***** Records for this exercise
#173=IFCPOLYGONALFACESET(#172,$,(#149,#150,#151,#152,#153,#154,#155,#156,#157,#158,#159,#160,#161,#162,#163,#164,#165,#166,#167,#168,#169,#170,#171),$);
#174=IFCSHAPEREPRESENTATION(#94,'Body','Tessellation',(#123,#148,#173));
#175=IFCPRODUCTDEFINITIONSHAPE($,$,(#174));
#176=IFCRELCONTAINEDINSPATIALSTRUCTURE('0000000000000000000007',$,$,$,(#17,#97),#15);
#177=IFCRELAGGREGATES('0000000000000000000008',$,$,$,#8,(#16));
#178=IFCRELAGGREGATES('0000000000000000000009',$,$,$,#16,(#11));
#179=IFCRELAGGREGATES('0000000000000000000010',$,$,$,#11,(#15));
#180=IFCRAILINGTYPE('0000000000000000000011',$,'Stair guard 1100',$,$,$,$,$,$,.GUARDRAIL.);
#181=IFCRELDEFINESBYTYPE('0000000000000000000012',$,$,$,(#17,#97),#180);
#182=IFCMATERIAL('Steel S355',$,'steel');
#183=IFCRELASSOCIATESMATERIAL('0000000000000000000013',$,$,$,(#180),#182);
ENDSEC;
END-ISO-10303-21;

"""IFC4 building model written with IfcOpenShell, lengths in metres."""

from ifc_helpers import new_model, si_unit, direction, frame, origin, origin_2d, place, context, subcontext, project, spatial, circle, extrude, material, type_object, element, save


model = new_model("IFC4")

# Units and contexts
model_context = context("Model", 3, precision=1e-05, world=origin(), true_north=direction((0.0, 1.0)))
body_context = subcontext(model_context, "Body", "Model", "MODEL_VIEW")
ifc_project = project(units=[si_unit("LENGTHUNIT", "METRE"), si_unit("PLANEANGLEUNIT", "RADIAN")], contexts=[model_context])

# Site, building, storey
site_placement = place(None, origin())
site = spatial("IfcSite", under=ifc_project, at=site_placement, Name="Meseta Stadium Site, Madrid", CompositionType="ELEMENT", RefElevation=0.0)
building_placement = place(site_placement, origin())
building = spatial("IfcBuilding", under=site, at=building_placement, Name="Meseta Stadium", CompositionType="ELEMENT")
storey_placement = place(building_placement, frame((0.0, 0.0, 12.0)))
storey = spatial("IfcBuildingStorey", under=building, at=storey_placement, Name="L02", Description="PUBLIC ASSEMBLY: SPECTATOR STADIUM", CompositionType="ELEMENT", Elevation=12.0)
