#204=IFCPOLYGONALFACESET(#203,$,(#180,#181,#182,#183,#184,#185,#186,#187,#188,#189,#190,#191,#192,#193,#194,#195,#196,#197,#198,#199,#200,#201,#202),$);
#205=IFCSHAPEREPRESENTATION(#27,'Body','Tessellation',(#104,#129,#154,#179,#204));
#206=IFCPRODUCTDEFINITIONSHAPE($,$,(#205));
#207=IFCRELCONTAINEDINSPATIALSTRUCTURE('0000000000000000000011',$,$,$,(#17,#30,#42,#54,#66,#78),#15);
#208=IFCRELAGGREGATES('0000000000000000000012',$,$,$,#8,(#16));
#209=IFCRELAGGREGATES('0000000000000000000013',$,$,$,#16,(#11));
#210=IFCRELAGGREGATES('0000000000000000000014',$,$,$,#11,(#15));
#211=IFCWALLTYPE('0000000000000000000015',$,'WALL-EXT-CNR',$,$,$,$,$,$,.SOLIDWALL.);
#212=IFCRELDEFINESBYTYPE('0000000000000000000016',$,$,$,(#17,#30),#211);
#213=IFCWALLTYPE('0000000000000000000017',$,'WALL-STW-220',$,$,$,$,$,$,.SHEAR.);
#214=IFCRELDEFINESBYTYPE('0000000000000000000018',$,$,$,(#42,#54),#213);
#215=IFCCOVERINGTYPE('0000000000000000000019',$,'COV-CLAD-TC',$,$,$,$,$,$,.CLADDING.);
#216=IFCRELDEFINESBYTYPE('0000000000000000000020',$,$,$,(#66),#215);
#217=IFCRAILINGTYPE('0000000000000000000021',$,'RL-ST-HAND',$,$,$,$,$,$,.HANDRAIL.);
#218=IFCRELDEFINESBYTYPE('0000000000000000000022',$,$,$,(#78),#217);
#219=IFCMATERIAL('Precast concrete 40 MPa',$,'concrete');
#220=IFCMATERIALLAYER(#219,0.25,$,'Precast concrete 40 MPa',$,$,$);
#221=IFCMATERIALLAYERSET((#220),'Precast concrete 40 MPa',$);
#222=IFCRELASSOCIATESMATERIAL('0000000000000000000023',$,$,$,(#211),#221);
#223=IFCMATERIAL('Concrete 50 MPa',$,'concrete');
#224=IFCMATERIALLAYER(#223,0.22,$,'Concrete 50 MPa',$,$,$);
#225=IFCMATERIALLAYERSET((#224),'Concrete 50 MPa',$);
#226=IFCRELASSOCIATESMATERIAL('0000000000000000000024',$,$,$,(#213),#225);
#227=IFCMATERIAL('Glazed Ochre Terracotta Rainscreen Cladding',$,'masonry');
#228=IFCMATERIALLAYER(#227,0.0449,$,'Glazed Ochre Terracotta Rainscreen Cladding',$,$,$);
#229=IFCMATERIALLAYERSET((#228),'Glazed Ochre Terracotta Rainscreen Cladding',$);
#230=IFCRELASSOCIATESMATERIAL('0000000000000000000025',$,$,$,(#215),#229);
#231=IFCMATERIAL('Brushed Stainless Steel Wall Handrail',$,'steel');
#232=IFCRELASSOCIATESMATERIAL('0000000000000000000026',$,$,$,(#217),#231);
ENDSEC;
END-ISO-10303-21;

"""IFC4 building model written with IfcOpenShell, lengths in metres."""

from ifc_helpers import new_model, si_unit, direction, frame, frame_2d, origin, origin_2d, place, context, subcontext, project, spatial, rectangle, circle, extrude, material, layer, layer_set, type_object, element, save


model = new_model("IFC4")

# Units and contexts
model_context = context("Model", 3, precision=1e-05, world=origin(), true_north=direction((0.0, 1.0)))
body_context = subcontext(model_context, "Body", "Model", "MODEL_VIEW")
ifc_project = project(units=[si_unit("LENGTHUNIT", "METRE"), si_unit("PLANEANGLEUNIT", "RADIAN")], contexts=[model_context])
**********
◆ **Your assignment**
Restate the entries above, keeping every word intact.

◆ **Exercise output**
#173=IFCPOLYGONALFACESET(#172,$,(#149,#150,#151,#152,#153,#154,#155,#156,#157,#158,#159,#160,#161,#162,#163,#164,#165,#166,#167,#168,#169,#170,#171),$);
#174=IFCSHAPEREPRESENTATION(#94,'Body','Tessellation',(#123,#148,#173));
#175=IFCPRODUCTDEFINITIONSHAPE($,$,(#174));
#176=IFCRELCONTAINEDINSPATIALSTRUCTURE('0000000000000000000007',$,$,$,(#17,#97),#15);
#177=IFCRELAGGREGATES('0000000000000000000008',$,$,$,#8,(#16));
#178=IFCRELAGGREGATES('0000000000000000000009',$,$,$,#16,(#11));
#179=IFCRELAGGREGATES('0000000000000000000010',$,$,$,#11,(#15));
#180=IFCRAILINGTYPE('0000000000000000000011',$,'Stair guard 1100',$,$,$,$,$,$,.GUARDRAIL.);
#181=IFCRELDEFINESBYTYPE('0000000000000000000012',$,$,$,(#17,#97),#180);
#182=IFCMATERIAL('Steel S355',$,'steel');
#183=IFCRELASSOCIATESMATERIAL('0000000000000000000013',$,$,$,(#180),#182);
ENDSEC;
END-ISO-10303-21;

"""IFC4 building model written with IfcOpenShell, lengths in metres."""

from ifc_helpers import new_model, si_unit, direction, frame, origin, origin_2d, place, context, subcontext, project, spatial, circle, extrude, material, type_object, element, save


model = new_model("IFC4")

# Units and contexts
model_context = context("Model", 3, precision=1e-05, world=origin(), true_north=direction((0.0, 1.0)))
body_context = subcontext(model_context, "Body", "Model", "MODEL_VIEW")
ifc_project = project(units=[si_unit("LENGTHUNIT", "METRE"), si_unit("PLANEANGLEUNIT", "RADIAN")], contexts=[model_context])

# Site, building, storey
site_placement = place(None, origin())
site = spatial("IfcSite", under=ifc_project, at=site_placement, Name="Meseta Stadium Site, Madrid", CompositionType="ELEMENT", RefElevation=0.0)
building_placement = place(site_placement, origin())
building = spatial("IfcBuilding", under=site, at=building_placement, Name="Meseta Stadium", CompositionType="ELEMENT")
storey_placement = place(building_placement, frame((0.0, 0.0, 12.0)))
storey = spatial("IfcBuildingStorey", under=building, at=storey_placement, Name="L02", Description="PUBLIC ASSEMBLY: SPECTATOR STADIUM", CompositionType="ELEMENT", Elevation=12.0)
#204=IFCPOLYGONALFACESET(#203,$,(#180,#181,#182,#183,#184,#185,#186,#187,#188,#189,#190,#191,#192,#193,#194,#195,#196,#197,#198,#199,#200,#201,#202),$);
#205=IFCSHAPEREPRESENTATION(#27,'Body','Tessellation',(#104,#129,#154,#179,#204));
#206=IFCPRODUCTDEFINITIONSHAPE($,$,(#205));
#207=IFCRELCONTAINEDINSPATIALSTRUCTURE('0000000000000000000011',$,$,$,(#17,#30,#42,#54,#66,#78),#15);
#208=IFCRELAGGREGATES('0000000000000000000012',$,$,$,#8,(#16));
#209=IFCRELAGGREGATES('0000000000000000000013',$,$,$,#16,(#11));
#210=IFCRELAGGREGATES('0000000000000000000014',$,$,$,#11,(#15));
#211=IFCWALLTYPE('0000000000000000000015',$,'WALL-EXT-CNR',$,$,$,$,$,$,.SOLIDWALL.);
#212=IFCRELDEFINESBYTYPE('0000000000000000000016',$,$,$,(#17,#30),#211);
#213=IFCWALLTYPE('0000000000000000000017',$,'WALL-STW-220',$,$,$,$,$,$,.SHEAR.);
#214=IFCRELDEFINESBYTYPE('0000000000000000000018',$,$,$,(#42,#54),#213);
#215=IFCCOVERINGTYPE('0000000000000000000019',$,'COV-CLAD-TC',$,$,$,$,$,$,.CLADDING.);
#216=IFCRELDEFINESBYTYPE('0000000000000000000020',$,$,$,(#66),#215);
#217=IFCRAILINGTYPE('0000000000000000000021',$,'RL-ST-HAND',$,$,$,$,$,$,.HANDRAIL.);
#218=IFCRELDEFINESBYTYPE('0000000000000000000022',$,$,$,(#78),#217);
#219=IFCMATERIAL('Precast concrete 40 MPa',$,'concrete');
#220=IFCMATERIALLAYER(#219,0.25,$,'Precast concrete 40 MPa',$,$,$);
#221=IFCMATERIALLAYERSET((#220),'Precast concrete 40 MPa',$);
#222=IFCRELASSOCIATESMATERIAL('0000000000000000000023',$,$,$,(#211),#221);
#223=IFCMATERIAL('Concrete 50 MPa',$,'concrete');
#224=IFCMATERIALLAYER(#223,0.22,$,'Concrete 50 MPa',$,$,$);
#225=IFCMATERIALLAYERSET((#224),'Concrete 50 MPa',$);
#226=IFCRELASSOCIATESMATERIAL('0000000000000000000024',$,$,$,(#213),#225);
#227=IFCMATERIAL('Glazed Ochre Terracotta Rainscreen Cladding',$,'masonry');
#228=IFCMATERIALLAYER(#227,0.0449,$,'Glazed Ochre Terracotta Rainscreen Cladding',$,$,$);
#229=IFCMATERIALLAYERSET((#228),'Glazed Ochre Terracotta Rainscreen Cladding',$);
#230=IFCRELASSOCIATESMATERIAL('0000000000000000000025',$,$,$,(#215),#229);
#231=IFCMATERIAL('Brushed Stainless Steel Wall Handrail',$,'steel');
#232=IFCRELASSOCIATESMATERIAL('0000000000000000000026',$,$,$,(#217),#231);
ENDSEC;
END-ISO-10303-21;

"""IFC4 building model written with IfcOpenShell, lengths in metres."""

from ifc_helpers import new_model, si_unit, direction, frame, frame_2d, origin, origin_2d, place, context, subcontext, project, spatial, rectangle, circle, extrude, material, layer, layer_set, type_object, element, save


model = new_model("IFC4")

# Units and contexts
model_context = context("Model", 3, precision=1e-05, world=origin(), true_north=direction((0.0, 1.0)))
body_context = subcontext(model_context, "Body", "Model", "MODEL_VIEW")
ifc_project = project(units=[si_unit("LENGTHUNIT", "METRE"), si_unit("PLANEANGLEUNIT", "RADIAN")], contexts=[model_context])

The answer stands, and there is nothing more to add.